Could you copy every line in the listing below that has the word "extrude"?

▸ Provided entries
....................
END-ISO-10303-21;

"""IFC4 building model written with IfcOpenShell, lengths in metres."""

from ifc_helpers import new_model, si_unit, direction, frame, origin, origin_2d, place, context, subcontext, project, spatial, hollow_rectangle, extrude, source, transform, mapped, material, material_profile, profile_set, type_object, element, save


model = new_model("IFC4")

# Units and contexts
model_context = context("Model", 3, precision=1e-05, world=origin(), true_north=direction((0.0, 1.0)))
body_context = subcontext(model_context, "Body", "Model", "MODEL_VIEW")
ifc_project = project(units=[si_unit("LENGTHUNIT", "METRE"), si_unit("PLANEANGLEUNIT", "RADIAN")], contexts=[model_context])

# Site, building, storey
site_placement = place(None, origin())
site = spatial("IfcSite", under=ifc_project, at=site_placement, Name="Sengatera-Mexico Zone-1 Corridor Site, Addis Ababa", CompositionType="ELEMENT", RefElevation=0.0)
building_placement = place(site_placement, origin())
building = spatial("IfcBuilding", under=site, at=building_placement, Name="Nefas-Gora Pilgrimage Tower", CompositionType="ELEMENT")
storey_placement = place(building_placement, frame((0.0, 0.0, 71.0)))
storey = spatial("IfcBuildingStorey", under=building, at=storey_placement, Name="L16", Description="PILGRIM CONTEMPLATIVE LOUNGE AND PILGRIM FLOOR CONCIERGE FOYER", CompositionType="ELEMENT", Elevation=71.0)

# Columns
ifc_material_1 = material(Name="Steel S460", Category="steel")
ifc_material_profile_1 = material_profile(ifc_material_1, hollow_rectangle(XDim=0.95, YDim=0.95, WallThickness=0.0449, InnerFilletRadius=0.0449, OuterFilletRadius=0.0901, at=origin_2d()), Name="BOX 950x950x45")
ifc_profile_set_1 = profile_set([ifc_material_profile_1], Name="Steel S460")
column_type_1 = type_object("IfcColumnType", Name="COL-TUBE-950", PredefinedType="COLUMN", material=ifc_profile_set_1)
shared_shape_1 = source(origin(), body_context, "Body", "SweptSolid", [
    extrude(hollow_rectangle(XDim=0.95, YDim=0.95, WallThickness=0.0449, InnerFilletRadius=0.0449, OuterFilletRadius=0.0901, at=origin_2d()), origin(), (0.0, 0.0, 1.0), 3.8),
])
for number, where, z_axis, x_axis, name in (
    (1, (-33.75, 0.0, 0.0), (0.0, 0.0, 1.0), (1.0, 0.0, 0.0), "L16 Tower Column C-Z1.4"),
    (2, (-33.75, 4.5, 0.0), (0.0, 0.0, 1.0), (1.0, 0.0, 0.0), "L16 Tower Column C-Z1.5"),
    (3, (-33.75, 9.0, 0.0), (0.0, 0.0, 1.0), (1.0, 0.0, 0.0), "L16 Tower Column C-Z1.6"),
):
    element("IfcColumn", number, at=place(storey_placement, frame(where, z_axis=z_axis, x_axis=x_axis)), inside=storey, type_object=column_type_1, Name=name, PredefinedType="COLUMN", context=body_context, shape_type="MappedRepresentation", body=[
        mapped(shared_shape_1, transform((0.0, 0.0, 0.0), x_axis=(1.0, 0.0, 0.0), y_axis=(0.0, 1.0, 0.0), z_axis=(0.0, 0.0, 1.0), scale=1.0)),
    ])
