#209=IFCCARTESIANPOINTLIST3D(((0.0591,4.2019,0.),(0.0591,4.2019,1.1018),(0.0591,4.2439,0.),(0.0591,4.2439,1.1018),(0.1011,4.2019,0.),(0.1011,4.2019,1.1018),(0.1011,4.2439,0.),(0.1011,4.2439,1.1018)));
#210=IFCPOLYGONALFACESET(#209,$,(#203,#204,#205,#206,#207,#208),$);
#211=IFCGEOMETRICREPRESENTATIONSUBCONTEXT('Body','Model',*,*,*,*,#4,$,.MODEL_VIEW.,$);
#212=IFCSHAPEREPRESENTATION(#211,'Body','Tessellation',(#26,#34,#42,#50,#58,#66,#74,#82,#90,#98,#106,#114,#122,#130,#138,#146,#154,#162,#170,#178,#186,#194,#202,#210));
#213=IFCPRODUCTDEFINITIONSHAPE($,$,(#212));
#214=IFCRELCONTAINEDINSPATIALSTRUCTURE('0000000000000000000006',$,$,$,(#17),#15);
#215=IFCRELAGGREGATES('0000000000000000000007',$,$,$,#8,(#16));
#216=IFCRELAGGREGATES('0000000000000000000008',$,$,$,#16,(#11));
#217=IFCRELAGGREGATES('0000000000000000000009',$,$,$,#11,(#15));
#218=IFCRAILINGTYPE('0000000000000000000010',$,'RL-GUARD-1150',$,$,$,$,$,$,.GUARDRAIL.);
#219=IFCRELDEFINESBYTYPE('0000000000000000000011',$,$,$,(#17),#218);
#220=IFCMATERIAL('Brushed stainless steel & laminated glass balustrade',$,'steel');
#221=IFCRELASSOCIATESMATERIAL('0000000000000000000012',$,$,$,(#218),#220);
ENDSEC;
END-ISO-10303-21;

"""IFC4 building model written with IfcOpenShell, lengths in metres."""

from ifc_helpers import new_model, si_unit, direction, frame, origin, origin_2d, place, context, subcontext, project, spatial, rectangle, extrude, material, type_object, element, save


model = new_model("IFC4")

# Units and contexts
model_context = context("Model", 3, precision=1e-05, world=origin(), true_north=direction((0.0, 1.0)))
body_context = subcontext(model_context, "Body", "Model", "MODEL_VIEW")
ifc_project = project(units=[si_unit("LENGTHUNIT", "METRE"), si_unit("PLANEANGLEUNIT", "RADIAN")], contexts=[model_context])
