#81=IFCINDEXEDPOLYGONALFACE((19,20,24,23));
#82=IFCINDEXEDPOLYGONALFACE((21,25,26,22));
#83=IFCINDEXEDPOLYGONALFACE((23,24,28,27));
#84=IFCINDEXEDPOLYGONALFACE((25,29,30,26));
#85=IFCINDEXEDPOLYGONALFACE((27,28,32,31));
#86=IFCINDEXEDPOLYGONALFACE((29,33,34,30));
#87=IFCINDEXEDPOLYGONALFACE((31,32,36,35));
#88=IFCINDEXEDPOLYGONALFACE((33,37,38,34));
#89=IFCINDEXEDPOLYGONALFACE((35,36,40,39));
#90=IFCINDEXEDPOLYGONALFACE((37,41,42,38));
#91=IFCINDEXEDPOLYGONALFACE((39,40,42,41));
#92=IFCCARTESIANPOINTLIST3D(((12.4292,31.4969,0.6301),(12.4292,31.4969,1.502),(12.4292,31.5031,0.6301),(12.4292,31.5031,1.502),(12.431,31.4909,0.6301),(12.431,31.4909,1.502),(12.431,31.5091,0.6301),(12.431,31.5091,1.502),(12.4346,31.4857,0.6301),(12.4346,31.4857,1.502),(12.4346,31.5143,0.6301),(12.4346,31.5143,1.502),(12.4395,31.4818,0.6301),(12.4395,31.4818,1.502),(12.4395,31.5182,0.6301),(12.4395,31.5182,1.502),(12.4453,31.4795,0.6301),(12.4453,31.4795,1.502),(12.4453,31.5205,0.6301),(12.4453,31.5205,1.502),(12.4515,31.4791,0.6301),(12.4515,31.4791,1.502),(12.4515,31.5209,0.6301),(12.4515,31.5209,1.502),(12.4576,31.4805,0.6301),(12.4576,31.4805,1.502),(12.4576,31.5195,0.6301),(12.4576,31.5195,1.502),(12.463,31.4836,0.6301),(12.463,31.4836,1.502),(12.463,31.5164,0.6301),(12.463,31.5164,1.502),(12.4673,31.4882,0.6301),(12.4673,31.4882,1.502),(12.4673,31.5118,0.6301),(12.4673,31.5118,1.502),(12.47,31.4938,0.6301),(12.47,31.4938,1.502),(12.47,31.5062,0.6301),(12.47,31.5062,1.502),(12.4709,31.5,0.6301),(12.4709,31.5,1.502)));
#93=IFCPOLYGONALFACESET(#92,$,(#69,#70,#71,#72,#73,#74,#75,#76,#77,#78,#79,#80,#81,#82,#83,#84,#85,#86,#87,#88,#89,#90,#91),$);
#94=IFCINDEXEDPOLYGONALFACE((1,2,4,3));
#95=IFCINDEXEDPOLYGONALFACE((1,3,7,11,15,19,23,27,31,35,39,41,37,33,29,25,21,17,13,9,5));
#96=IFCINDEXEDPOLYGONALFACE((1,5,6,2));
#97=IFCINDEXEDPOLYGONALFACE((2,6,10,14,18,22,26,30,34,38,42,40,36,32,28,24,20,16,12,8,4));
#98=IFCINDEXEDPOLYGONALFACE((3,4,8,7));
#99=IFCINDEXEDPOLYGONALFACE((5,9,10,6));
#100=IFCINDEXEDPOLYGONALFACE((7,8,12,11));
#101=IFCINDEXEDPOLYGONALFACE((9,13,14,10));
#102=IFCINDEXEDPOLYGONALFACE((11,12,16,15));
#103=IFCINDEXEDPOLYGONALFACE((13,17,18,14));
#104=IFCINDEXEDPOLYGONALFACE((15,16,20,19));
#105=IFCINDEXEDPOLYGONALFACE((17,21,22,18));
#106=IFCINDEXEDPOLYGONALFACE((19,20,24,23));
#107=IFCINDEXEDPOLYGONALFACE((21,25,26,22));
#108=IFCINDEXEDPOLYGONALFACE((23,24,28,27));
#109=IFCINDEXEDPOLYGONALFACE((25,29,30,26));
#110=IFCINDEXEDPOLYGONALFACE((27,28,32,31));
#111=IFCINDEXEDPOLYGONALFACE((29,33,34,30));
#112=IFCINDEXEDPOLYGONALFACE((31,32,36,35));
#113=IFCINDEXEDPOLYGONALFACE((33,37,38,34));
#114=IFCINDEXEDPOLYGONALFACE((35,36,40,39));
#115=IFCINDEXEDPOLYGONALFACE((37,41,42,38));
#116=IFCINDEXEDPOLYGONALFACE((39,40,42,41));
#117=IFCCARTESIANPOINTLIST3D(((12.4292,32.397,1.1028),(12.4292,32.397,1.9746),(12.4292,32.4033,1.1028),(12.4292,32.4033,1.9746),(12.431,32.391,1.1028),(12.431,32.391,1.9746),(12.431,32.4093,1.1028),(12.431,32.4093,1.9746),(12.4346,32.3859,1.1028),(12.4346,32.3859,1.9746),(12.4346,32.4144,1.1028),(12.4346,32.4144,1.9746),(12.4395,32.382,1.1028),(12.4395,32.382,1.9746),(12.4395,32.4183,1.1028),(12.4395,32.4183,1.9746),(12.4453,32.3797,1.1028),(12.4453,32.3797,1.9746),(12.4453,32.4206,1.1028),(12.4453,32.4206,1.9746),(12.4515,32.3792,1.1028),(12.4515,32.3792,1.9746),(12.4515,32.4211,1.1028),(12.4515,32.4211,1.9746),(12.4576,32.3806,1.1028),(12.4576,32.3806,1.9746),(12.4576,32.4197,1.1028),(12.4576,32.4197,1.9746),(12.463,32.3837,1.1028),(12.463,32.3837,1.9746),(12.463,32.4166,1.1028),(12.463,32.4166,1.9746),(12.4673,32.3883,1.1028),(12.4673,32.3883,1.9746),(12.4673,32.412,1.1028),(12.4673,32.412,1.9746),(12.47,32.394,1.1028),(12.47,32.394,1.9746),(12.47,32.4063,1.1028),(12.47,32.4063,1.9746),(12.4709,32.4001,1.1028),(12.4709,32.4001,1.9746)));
....................
▸ Task response
from ifc_helpers import new_model, si_unit, direction, frame, origin, origin_2d, place, context, subcontext, project, spatial, hollow_rectangle, extrude, source, transform, mapped, material, material_profile, profile_set, type_object, element, save
    extrude(hollow_rectangle(XDim=0.95, YDim=0.95, WallThickness=0.0449, InnerFilletRadius=0.0449, OuterFilletRadius=0.0901, at=origin_2d()), origin(), (0.0, 0.0, 1.0), 3.8),
from ifc_helpers import new_model, si_unit, direction, frame, origin, origin_2d, place, context, subcontext, project, spatial, rectangle, extrude, material, type_object, element, save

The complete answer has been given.